▶ _Problem details_
Only one stretch of the data is wanted: the line containing "#18=IFCLOCALPLACEMENT(#14,#2);", the line containing "#50=IFCINDEXEDPOLYGONALFACE((1,5,6,2));", and every line between them, copied exactly.
[[ Supplied material, beginning ]]
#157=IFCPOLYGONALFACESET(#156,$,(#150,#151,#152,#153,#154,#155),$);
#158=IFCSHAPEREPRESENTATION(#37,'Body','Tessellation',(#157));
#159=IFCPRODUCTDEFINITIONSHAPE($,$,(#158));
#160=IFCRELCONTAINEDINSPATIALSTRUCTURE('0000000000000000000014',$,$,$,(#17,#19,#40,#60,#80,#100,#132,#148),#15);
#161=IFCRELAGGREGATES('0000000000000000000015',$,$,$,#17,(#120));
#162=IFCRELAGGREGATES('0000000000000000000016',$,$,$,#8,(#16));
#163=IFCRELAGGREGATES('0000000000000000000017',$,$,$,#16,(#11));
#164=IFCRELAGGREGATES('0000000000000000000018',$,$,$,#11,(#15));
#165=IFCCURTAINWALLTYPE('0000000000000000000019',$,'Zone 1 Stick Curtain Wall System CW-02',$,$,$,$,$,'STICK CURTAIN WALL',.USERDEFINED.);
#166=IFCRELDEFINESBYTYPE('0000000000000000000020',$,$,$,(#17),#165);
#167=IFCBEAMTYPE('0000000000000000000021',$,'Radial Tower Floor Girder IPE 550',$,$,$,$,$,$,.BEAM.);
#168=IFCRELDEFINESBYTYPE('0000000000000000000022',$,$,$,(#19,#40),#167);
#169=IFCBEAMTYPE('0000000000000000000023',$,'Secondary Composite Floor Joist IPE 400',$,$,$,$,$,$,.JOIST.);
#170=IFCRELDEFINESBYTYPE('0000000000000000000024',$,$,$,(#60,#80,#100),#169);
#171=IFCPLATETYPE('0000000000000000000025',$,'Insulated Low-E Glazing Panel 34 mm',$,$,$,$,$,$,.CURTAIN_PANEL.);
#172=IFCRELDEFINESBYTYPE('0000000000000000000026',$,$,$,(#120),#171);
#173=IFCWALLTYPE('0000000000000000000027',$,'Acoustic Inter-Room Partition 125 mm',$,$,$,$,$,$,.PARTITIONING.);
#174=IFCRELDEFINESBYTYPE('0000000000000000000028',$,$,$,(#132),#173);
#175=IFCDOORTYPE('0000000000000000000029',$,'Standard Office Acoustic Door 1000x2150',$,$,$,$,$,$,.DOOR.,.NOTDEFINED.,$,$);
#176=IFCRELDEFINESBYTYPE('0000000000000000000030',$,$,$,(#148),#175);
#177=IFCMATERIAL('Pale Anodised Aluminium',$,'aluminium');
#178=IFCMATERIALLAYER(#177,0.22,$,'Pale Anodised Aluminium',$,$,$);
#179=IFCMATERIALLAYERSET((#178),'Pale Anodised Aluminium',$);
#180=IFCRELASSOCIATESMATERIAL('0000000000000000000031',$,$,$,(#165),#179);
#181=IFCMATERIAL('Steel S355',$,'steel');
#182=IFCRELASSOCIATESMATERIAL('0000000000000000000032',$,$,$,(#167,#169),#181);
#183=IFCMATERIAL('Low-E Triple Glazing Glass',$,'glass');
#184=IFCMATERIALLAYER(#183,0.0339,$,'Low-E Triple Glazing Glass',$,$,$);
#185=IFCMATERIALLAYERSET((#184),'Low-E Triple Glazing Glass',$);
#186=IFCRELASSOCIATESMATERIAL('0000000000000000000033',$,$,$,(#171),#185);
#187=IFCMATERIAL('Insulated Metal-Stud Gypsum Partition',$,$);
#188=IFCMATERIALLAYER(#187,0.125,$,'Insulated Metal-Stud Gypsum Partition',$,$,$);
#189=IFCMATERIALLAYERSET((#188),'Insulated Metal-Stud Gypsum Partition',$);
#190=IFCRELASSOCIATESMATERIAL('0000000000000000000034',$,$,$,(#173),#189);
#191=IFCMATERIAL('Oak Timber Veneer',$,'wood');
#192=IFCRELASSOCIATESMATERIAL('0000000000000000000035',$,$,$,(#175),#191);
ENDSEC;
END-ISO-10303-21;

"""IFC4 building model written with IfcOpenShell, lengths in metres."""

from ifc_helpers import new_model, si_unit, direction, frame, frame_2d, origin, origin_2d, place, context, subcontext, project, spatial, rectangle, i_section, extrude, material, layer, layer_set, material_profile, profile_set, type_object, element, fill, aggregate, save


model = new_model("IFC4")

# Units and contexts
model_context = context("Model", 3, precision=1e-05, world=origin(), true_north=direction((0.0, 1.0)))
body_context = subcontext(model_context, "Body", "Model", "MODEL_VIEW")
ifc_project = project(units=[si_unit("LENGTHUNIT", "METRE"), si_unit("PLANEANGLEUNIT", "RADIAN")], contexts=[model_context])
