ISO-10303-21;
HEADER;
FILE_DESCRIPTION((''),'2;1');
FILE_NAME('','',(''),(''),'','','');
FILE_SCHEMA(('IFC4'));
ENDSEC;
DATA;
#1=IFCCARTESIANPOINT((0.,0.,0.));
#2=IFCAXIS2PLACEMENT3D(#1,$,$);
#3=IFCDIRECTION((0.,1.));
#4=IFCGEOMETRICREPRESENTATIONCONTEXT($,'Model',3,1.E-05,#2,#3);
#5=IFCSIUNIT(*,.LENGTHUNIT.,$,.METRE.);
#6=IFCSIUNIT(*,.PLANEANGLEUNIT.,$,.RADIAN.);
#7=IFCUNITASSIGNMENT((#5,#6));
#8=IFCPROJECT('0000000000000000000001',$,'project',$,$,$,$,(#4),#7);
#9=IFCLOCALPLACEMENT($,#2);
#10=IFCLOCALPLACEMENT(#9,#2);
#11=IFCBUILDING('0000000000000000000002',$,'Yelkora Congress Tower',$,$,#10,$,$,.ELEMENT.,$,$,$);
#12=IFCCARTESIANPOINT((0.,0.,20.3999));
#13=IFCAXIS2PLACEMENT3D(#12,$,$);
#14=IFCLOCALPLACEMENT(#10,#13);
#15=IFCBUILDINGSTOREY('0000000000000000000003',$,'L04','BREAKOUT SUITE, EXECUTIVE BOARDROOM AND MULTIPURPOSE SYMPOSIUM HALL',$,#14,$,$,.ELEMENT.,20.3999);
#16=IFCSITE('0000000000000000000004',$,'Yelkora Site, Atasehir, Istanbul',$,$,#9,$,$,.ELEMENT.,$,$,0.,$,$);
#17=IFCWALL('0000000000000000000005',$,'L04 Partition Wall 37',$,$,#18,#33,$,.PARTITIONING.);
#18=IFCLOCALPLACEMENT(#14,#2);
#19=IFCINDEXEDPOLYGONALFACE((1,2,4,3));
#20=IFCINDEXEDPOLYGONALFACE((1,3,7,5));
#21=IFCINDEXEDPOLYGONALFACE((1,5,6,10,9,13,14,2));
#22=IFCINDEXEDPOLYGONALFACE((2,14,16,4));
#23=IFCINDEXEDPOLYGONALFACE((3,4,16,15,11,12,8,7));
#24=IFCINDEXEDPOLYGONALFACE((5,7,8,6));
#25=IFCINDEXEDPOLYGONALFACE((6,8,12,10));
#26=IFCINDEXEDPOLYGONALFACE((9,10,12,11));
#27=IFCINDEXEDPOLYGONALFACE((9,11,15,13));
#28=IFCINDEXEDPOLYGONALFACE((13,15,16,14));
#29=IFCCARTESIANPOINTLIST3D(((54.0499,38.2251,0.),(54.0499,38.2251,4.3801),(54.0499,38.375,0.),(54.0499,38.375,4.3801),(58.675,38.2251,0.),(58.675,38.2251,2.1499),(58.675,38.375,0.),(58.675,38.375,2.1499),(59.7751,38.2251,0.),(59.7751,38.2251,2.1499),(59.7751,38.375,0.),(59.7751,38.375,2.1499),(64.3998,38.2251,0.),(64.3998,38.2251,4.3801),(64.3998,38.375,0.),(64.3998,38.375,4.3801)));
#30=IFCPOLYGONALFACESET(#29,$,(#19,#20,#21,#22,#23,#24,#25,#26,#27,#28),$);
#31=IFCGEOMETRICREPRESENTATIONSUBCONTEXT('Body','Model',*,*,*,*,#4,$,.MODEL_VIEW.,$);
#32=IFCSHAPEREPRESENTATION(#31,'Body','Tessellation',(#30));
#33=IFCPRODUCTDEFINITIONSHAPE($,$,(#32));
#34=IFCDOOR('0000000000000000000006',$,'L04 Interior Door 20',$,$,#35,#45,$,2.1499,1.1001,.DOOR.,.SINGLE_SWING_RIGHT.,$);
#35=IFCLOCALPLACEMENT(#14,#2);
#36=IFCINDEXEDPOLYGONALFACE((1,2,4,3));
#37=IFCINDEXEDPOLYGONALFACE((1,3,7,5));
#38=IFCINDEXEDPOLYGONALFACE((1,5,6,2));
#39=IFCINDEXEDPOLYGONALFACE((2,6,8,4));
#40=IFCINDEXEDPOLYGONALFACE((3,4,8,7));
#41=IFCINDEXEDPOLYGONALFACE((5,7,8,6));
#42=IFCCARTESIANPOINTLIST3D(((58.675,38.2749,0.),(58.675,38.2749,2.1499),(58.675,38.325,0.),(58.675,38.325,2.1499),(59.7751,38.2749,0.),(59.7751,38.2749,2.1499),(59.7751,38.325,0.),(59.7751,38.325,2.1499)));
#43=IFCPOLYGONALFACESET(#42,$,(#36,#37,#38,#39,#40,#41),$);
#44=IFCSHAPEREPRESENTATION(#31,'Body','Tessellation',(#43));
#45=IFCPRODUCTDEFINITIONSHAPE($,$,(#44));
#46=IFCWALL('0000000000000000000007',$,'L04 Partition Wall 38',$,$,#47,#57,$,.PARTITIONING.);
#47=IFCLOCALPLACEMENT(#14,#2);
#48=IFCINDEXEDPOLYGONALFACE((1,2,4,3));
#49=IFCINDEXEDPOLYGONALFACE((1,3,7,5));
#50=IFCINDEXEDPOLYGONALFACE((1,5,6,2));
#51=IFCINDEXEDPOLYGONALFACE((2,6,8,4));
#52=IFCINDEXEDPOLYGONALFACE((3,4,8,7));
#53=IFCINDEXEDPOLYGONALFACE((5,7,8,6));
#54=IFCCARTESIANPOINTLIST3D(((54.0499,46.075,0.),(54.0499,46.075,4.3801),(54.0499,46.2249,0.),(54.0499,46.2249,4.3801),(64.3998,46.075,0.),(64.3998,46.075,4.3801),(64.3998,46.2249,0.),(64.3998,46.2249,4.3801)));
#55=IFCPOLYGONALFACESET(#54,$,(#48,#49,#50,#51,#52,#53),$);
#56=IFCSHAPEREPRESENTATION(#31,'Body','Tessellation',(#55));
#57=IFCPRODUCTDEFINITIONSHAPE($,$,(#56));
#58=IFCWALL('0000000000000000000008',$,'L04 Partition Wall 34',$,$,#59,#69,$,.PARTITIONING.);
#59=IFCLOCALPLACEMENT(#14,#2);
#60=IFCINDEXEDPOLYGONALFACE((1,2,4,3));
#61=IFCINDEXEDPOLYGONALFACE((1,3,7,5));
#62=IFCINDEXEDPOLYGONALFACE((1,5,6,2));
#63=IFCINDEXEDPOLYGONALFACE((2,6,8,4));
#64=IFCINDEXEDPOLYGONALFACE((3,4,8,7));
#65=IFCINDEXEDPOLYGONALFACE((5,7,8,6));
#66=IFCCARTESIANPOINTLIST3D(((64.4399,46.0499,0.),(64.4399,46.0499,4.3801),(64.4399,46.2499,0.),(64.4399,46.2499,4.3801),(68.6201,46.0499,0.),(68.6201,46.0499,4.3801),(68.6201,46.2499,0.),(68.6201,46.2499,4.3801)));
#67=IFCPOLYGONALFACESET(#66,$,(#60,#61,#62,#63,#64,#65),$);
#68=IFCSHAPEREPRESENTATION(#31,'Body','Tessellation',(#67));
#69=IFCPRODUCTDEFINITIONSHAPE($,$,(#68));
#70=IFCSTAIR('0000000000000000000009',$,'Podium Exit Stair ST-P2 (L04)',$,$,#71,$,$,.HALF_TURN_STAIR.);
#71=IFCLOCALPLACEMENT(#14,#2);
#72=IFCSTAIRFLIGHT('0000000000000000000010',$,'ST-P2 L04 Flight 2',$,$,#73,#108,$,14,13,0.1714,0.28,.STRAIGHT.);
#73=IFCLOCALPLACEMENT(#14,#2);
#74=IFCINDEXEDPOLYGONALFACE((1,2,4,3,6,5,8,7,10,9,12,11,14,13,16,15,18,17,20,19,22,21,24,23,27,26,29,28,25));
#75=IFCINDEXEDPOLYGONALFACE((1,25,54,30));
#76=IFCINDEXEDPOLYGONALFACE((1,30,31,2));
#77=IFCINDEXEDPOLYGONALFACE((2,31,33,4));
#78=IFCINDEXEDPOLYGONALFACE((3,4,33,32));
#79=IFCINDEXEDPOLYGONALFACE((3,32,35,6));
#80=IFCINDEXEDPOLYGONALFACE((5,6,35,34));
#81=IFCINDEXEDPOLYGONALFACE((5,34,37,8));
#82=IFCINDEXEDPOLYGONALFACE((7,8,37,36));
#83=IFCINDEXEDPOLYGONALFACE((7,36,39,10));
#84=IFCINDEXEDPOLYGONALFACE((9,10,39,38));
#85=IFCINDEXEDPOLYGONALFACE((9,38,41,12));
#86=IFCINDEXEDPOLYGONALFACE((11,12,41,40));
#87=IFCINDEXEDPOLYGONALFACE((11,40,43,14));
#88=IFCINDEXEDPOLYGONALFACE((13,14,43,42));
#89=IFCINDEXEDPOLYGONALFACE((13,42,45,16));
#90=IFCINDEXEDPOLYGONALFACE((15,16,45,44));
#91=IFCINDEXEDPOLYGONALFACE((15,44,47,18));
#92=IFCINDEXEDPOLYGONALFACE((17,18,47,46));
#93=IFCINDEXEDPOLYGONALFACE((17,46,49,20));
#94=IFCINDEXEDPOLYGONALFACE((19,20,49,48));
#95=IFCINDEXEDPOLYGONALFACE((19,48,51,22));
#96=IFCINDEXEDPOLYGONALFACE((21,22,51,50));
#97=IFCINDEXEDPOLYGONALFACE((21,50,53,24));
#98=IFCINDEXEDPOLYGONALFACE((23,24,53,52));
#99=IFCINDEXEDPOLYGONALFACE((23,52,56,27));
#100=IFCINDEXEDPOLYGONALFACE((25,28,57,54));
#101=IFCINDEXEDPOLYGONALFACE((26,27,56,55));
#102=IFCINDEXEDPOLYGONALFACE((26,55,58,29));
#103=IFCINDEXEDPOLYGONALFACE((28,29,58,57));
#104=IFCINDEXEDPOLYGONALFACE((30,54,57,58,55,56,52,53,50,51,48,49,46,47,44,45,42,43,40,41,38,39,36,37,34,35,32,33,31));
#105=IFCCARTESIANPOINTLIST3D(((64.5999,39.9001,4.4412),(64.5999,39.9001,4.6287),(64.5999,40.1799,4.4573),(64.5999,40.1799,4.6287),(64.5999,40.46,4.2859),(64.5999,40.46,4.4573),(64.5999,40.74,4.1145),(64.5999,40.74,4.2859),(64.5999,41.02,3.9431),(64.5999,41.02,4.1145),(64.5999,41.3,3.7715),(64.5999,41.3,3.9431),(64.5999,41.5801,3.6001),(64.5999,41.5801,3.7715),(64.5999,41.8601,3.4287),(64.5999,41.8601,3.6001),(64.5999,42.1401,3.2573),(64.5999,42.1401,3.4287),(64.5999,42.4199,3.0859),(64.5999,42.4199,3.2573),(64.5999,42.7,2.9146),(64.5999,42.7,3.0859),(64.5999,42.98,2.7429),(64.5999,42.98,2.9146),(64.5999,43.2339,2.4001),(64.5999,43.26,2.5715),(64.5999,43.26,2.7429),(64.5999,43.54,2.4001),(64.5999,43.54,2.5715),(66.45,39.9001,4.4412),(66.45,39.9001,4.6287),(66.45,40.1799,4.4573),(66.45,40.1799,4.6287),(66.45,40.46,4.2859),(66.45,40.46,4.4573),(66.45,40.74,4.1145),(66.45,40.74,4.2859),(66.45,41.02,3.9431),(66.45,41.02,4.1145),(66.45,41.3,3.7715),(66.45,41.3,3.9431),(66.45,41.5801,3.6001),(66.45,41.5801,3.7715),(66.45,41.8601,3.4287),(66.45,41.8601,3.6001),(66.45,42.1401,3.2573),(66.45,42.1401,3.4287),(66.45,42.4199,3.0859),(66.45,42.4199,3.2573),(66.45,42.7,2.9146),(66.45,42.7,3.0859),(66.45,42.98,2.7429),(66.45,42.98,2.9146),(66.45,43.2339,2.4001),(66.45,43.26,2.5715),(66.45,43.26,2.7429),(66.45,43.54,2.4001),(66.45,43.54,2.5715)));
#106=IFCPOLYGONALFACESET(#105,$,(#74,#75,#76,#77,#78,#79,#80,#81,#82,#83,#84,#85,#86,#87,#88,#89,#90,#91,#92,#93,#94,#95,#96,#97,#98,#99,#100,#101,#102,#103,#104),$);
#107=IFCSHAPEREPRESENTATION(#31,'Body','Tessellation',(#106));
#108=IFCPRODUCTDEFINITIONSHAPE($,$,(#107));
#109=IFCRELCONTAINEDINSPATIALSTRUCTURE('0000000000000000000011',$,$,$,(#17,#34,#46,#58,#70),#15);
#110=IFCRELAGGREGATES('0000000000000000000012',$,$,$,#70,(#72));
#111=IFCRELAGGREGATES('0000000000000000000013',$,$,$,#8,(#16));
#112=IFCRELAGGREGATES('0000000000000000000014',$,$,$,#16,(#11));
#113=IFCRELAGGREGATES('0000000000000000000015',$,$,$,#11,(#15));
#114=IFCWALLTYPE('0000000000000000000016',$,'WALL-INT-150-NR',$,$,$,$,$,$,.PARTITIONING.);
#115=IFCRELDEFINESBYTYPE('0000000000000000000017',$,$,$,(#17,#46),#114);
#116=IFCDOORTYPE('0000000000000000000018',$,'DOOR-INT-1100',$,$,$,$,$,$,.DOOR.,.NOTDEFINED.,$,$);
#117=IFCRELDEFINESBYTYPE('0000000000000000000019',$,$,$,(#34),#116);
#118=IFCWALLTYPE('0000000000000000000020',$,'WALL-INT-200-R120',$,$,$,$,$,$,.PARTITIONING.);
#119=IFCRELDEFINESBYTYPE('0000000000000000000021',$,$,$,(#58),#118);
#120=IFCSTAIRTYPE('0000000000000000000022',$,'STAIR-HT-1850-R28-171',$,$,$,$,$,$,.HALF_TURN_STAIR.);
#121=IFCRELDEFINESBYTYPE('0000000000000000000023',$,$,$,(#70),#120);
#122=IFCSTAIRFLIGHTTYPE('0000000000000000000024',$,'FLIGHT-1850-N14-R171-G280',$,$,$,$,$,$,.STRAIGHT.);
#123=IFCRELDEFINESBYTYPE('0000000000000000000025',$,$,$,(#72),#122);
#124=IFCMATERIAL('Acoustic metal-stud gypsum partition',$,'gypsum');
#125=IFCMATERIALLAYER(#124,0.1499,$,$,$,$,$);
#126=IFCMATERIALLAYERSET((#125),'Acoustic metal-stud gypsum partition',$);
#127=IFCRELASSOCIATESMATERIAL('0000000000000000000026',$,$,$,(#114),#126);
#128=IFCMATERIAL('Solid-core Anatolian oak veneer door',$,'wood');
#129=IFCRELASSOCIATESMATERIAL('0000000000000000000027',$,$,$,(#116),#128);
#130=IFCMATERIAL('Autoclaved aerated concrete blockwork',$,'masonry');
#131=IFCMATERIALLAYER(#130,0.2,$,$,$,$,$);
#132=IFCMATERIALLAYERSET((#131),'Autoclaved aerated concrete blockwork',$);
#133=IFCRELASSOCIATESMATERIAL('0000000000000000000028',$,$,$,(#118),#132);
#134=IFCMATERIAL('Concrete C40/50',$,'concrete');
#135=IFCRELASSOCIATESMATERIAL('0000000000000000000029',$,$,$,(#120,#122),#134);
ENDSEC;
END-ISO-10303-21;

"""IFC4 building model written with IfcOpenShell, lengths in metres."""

from ifc_helpers import new_model, si_unit, direction, frame, frame_2d, origin, place, context, subcontext, project, spatial, polyline, rectangle, outline, extrude, material, layer, layer_set, type_object, element, fill, aggregate, save


model = new_model("IFC4")

# Units and contexts
model_context = context("Model", 3, precision=1e-05, world=origin(), true_north=direction((0.0, 1.0)))
body_context = subcontext(model_context, "Body", "Model", "MODEL_VIEW")
ifc_project = project(units=[si_unit("LENGTHUNIT", "METRE"), si_unit("PLANEANGLEUNIT", "RADIAN")], contexts=[model_context])

# Site, building, storey
site_placement = place(None, origin())
site = spatial("IfcSite", under=ifc_project, at=site_placement, Name="Yelkora Site, Atasehir, Istanbul", CompositionType="ELEMENT", RefElevation=0.0)
building_placement = place(site_placement, origin())
building = spatial("IfcBuilding", under=site, at=building_placement, Name="Yelkora Congress Tower", CompositionType="ELEMENT")
storey_placement = place(building_placement, frame((0.0, 0.0, 20.3999)))
storey = spatial("IfcBuildingStorey", under=building, at=storey_placement, Name="L04", Description="BREAKOUT SUITE, EXECUTIVE BOARDROOM AND MULTIPURPOSE SYMPOSIUM HALL", CompositionType="ELEMENT", Elevation=20.3999)

# Wall, opening, door
ifc_material_1 = material(Name="Acoustic metal-stud gypsum partition", Category="gypsum")
ifc_layer_1 = layer(ifc_material_1, 0.1499)
ifc_layer_set_1 = layer_set([ifc_layer_1], Name="Acoustic metal-stud gypsum partition")
wall_type_1 = type_object("IfcWallType", Name="WALL-INT-150-NR", PredefinedType="PARTITIONING", material=ifc_layer_set_1)
wall_1_placement = place(storey_placement, frame((54.05, 38.3, 0.0), z_axis=(0.0, 0.0, 1.0), x_axis=(1.0, 0.0, 0.0)))
wall_1 = element("IfcWall", 1, at=wall_1_placement, inside=storey, type_object=wall_type_1, Name="L04 Partition Wall 37", PredefinedType="PARTITIONING", context=body_context, shape_type="SweptSolid", body=[
    extrude(rectangle(XDim=10.3499, YDim=0.1499, at=frame_2d((5.1748, 0.0))), origin(), (0.0, 0.0, 1.0), 4.3801),
])
opening_1_placement = place(wall_1_placement, frame((4.625, 0.0, 0.0)))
[[ Supplied material, end ]]
▶ _Answer to this problem_
#18=IFCLOCALPLACEMENT(#14,#2);
#19=IFCINDEXEDPOLYGONALFACE((1,2,4,3));
#20=IFCINDEXEDPOLYGONALFACE((1,3,7,5));
#21=IFCINDEXEDPOLYGONALFACE((1,5,6,10,9,13,14,2));
#22=IFCINDEXEDPOLYGONALFACE((2,14,16,4));
#23=IFCINDEXEDPOLYGONALFACE((3,4,16,15,11,12,8,7));
#24=IFCINDEXEDPOLYGONALFACE((5,7,8,6));
#25=IFCINDEXEDPOLYGONALFACE((6,8,12,10));
#26=IFCINDEXEDPOLYGONALFACE((9,10,12,11));
#27=IFCINDEXEDPOLYGONALFACE((9,11,15,13));
#28=IFCINDEXEDPOLYGONALFACE((13,15,16,14));
#29=IFCCARTESIANPOINTLIST3D(((54.0499,38.2251,0.),(54.0499,38.2251,4.3801),(54.0499,38.375,0.),(54.0499,38.375,4.3801),(58.675,38.2251,0.),(58.675,38.2251,2.1499),(58.675,38.375,0.),(58.675,38.375,2.1499),(59.7751,38.2251,0.),(59.7751,38.2251,2.1499),(59.7751,38.375,0.),(59.7751,38.375,2.1499),(64.3998,38.2251,0.),(64.3998,38.2251,4.3801),(64.3998,38.375,0.),(64.3998,38.375,4.3801)));
#30=IFCPOLYGONALFACESET(#29,$,(#19,#20,#21,#22,#23,#24,#25,#26,#27,#28),$);
#31=IFCGEOMETRICREPRESENTATIONSUBCONTEXT('Body','Model',*,*,*,*,#4,$,.MODEL_VIEW.,$);
#32=IFCSHAPEREPRESENTATION(#31,'Body','Tessellation',(#30));
#33=IFCPRODUCTDEFINITIONSHAPE($,$,(#32));
#34=IFCDOOR('0000000000000000000006',$,'L04 Interior Door 20',$,$,#35,#45,$,2.1499,1.1001,.DOOR.,.SINGLE_SWING_RIGHT.,$);
#35=IFCLOCALPLACEMENT(#14,#2);
#36=IFCINDEXEDPOLYGONALFACE((1,2,4,3));
#37=IFCINDEXEDPOLYGONALFACE((1,3,7,5));
#38=IFCINDEXEDPOLYGONALFACE((1,5,6,2));
#39=IFCINDEXEDPOLYGONALFACE((2,6,8,4));
#40=IFCINDEXEDPOLYGONALFACE((3,4,8,7));
#41=IFCINDEXEDPOLYGONALFACE((5,7,8,6));
#42=IFCCARTESIANPOINTLIST3D(((58.675,38.2749,0.),(58.675,38.2749,2.1499),(58.675,38.325,0.),(58.675,38.325,2.1499),(59.7751,38.2749,0.),(59.7751,38.2749,2.1499),(59.7751,38.325,0.),(59.7751,38.325,2.1499)));
#43=IFCPOLYGONALFACESET(#42,$,(#36,#37,#38,#39,#40,#41),$);
#44=IFCSHAPEREPRESENTATION(#31,'Body','Tessellation',(#43));
#45=IFCPRODUCTDEFINITIONSHAPE($,$,(#44));
#46=IFCWALL('0000000000000000000007',$,'L04 Partition Wall 38',$,$,#47,#57,$,.PARTITIONING.);
#47=IFCLOCALPLACEMENT(#14,#2);
#48=IFCINDEXEDPOLYGONALFACE((1,2,4,3));
#49=IFCINDEXEDPOLYGONALFACE((1,3,7,5));
#50=IFCINDEXEDPOLYGONALFACE((1,5,6,2));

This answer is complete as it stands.